◆ **Exercise goal**: Among the entries below, how many lines hold "Tessellation"? Only the number is wanted.

** Data follows **

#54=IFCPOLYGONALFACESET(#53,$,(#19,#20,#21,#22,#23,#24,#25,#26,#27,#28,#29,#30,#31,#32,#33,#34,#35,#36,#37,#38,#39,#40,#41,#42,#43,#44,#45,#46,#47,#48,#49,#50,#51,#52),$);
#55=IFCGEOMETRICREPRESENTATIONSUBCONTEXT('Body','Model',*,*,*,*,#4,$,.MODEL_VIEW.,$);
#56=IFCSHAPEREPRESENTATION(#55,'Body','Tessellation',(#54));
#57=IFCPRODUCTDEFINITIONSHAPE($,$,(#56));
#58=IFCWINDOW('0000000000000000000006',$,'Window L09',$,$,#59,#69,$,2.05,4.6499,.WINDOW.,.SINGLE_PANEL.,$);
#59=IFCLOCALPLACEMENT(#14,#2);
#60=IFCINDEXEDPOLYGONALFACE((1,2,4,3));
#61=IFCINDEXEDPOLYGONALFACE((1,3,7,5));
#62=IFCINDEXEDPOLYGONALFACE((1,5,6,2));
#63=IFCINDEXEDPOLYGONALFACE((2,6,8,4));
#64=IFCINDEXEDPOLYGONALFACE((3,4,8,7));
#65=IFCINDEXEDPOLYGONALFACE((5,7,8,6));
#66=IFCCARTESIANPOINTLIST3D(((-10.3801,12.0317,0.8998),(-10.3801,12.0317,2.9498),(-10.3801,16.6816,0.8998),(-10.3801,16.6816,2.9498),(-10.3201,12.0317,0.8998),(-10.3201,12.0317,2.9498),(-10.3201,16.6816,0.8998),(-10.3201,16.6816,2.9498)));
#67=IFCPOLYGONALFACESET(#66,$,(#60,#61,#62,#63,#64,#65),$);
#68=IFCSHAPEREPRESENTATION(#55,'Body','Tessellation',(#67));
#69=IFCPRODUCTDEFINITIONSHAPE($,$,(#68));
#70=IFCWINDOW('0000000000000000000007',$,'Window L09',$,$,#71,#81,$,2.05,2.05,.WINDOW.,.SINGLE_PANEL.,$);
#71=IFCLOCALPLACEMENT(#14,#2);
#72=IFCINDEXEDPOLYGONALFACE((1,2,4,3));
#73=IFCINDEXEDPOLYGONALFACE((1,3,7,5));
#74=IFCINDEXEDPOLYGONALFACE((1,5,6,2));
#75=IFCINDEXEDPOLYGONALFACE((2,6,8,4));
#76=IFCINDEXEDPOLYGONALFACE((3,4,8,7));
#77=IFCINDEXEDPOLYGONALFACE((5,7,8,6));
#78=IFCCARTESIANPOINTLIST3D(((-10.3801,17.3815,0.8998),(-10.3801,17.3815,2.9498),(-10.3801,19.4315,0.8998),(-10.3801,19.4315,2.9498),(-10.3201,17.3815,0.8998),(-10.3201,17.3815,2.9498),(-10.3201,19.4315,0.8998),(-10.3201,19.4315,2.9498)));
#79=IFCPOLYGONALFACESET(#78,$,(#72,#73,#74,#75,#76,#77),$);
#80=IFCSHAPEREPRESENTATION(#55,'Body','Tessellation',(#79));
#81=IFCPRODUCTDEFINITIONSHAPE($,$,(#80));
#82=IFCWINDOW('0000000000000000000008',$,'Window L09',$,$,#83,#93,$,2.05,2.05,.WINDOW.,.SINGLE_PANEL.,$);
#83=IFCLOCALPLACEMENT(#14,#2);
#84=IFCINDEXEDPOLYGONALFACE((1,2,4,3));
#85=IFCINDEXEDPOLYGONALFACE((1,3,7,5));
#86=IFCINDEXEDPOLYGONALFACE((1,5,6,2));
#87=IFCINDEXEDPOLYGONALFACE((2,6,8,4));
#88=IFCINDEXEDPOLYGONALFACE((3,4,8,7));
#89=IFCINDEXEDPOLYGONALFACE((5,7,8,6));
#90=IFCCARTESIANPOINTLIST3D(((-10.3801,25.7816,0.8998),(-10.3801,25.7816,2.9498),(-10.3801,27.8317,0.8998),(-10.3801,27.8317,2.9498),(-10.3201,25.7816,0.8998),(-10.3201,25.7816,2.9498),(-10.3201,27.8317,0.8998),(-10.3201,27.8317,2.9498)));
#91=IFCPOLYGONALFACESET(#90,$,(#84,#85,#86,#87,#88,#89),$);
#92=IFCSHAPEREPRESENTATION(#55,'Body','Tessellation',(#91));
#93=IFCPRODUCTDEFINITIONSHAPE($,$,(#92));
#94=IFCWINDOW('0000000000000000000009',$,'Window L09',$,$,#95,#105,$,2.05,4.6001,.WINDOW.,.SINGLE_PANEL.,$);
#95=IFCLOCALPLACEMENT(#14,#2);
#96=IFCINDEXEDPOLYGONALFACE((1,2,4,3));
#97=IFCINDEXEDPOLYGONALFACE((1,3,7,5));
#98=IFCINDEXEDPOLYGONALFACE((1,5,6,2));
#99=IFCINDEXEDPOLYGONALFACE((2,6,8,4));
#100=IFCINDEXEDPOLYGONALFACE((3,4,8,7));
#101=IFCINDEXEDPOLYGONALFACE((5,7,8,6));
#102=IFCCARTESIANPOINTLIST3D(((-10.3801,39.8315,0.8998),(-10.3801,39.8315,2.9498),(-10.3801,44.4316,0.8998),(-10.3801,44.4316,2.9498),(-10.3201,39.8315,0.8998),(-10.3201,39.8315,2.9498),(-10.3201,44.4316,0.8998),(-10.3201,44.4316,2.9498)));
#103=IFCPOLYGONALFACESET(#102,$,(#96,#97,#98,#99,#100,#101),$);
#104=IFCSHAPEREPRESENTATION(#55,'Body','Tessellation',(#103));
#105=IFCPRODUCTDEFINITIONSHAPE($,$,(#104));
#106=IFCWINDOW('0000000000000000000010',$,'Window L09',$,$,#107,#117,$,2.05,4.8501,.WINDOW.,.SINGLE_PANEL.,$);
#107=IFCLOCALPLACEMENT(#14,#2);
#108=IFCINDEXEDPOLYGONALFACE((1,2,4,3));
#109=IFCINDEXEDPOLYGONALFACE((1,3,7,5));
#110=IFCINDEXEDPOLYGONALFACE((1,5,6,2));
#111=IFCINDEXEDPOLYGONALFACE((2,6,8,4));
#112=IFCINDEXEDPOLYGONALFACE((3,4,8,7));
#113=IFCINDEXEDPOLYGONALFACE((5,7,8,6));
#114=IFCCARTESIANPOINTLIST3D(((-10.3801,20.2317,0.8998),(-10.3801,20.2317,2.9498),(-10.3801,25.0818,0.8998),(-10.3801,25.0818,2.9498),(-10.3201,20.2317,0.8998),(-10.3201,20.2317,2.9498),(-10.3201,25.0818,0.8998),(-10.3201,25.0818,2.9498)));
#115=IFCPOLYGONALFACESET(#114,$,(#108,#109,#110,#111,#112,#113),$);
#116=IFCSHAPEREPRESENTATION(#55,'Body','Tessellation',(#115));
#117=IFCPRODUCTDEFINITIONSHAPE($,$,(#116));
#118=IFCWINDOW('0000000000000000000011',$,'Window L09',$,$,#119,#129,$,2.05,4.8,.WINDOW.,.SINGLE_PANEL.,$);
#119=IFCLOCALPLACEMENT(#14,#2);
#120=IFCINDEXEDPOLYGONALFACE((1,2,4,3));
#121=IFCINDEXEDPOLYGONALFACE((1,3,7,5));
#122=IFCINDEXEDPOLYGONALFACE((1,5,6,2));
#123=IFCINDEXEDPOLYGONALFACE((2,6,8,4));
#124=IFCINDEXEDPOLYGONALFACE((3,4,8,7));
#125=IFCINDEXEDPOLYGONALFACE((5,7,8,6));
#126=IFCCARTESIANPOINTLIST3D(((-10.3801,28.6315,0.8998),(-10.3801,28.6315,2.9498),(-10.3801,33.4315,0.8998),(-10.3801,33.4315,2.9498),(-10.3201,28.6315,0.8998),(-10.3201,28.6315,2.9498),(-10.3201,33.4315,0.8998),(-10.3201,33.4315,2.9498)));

** End of Data **

◆ **Response area**: 6